» Task brief: Using the entries that follow, establish how many lines contain the word "ELEMENT" and give only that figure.

» Data items:
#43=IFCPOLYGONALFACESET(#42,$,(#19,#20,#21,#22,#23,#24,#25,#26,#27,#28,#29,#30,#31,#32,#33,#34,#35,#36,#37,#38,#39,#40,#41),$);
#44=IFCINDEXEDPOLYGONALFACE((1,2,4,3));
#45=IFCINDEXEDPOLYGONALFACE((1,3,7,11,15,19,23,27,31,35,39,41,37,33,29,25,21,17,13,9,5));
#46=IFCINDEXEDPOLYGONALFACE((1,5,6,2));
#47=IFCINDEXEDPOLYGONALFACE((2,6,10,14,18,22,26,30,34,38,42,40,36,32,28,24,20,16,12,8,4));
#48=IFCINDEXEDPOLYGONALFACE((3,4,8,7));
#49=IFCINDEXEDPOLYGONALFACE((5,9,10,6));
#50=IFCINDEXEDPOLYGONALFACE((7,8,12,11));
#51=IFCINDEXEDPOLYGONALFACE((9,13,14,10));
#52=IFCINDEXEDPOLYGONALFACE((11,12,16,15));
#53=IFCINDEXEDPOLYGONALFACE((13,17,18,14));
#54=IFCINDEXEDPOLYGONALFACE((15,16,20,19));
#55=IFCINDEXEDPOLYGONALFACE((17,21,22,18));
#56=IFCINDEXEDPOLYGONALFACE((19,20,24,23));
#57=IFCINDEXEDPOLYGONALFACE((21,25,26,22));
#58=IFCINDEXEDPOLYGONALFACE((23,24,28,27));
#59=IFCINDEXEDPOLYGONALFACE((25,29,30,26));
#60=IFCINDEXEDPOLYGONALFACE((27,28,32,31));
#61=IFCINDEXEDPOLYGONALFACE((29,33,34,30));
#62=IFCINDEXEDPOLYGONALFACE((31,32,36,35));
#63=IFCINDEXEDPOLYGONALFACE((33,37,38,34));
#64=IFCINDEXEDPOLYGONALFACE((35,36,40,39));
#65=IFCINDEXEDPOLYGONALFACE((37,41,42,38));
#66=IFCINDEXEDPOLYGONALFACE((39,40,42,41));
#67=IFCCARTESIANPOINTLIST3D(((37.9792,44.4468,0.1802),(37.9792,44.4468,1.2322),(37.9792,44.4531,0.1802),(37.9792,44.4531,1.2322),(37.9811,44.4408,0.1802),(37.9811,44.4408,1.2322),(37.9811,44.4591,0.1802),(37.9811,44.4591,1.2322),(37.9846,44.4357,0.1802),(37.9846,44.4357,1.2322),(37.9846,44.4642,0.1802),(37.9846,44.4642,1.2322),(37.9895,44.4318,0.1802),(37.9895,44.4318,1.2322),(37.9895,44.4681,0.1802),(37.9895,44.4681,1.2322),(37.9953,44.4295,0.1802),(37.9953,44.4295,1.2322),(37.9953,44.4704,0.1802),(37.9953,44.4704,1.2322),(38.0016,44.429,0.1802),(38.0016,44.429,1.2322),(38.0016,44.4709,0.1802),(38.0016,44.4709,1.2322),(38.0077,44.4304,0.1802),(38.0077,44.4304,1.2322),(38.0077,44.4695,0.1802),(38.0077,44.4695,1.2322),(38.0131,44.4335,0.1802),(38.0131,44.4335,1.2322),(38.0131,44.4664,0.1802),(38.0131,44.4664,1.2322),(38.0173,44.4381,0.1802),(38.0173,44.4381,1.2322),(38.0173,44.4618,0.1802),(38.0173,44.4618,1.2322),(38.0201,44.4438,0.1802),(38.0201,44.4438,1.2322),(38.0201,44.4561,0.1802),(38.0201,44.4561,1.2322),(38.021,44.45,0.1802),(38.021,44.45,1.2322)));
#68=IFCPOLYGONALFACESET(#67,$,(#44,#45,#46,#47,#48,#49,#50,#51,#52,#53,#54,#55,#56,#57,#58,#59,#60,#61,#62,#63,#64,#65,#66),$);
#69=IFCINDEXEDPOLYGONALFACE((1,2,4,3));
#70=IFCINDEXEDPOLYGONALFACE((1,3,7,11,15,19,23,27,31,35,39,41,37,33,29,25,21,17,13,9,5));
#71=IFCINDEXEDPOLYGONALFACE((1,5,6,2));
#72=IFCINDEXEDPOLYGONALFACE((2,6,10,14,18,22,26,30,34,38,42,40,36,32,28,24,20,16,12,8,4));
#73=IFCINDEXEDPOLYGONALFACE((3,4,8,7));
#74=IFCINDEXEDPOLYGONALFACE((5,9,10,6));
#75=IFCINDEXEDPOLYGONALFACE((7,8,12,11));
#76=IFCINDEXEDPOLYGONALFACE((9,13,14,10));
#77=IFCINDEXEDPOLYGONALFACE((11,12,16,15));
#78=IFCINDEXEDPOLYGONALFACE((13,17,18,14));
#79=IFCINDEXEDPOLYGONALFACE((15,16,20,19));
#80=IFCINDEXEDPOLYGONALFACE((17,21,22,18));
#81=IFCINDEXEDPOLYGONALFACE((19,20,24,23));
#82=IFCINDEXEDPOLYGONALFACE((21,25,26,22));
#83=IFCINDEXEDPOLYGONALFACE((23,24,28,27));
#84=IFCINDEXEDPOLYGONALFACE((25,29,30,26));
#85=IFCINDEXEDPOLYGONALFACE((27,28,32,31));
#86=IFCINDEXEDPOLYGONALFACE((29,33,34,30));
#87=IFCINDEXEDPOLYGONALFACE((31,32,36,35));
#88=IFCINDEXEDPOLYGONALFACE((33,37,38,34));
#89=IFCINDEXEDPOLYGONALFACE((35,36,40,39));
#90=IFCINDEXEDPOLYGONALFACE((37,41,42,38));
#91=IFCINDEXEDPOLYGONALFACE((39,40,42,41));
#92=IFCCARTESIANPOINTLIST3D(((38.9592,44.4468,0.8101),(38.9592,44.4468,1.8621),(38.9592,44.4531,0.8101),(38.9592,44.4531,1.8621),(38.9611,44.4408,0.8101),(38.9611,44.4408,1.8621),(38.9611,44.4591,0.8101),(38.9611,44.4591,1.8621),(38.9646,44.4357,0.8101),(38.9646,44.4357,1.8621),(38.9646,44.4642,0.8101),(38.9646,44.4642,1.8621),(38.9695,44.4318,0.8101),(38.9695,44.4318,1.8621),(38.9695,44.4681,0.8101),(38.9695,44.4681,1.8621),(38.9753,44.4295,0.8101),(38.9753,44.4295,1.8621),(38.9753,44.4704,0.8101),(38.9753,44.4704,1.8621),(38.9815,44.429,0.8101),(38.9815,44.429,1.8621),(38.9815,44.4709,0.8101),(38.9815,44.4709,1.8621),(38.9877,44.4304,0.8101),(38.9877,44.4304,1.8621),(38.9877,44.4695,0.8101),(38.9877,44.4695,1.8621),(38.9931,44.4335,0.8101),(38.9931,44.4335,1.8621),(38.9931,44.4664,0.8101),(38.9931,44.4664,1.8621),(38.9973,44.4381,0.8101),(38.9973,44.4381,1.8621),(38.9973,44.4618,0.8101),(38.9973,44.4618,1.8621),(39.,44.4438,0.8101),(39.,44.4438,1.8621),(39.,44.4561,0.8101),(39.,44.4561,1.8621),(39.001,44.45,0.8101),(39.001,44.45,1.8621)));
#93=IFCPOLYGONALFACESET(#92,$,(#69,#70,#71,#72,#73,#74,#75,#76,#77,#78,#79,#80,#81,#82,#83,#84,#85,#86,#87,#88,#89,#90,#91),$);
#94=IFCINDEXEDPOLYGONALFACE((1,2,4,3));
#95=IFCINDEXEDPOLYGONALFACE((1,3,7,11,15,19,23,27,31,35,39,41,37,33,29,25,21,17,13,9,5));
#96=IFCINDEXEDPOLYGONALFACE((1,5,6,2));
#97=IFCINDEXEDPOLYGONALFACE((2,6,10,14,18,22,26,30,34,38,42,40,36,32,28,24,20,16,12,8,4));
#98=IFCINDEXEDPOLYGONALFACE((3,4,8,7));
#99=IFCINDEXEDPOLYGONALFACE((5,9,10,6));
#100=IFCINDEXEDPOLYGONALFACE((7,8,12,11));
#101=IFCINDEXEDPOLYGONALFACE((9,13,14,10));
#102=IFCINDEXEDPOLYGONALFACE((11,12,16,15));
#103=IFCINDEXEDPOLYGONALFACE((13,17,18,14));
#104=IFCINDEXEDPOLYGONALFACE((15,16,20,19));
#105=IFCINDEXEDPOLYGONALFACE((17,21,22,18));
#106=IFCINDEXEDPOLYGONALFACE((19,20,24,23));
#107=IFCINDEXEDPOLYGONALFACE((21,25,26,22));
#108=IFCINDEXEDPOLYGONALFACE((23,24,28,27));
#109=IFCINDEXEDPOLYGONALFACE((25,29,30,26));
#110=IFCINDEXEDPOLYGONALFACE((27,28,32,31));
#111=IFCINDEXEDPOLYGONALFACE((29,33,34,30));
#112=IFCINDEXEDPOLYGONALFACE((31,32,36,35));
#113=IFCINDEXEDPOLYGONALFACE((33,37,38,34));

---

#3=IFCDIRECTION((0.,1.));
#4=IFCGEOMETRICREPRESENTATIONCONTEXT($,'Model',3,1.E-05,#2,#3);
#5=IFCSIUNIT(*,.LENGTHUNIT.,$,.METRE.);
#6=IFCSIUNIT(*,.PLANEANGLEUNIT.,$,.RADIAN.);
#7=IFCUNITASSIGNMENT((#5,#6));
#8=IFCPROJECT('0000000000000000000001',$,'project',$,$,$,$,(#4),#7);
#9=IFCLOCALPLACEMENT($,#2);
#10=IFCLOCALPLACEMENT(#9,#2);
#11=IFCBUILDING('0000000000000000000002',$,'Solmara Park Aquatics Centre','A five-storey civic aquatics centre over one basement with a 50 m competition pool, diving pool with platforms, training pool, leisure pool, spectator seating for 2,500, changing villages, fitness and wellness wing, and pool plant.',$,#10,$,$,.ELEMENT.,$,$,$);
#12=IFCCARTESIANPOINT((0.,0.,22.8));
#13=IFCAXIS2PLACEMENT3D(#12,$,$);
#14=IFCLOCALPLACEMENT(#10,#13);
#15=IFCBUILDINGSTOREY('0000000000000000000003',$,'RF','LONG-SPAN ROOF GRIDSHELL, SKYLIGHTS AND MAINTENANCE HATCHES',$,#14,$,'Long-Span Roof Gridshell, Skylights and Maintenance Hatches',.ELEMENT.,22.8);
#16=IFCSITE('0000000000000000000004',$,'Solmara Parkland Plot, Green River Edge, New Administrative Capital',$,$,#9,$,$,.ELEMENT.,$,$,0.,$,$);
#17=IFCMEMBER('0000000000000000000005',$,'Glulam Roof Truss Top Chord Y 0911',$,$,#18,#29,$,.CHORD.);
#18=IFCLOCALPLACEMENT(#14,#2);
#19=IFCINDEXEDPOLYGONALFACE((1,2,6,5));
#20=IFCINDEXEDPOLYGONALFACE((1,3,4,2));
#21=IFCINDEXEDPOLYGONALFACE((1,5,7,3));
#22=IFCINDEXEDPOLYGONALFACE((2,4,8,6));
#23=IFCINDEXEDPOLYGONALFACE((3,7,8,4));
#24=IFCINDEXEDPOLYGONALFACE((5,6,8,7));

» Solution: 3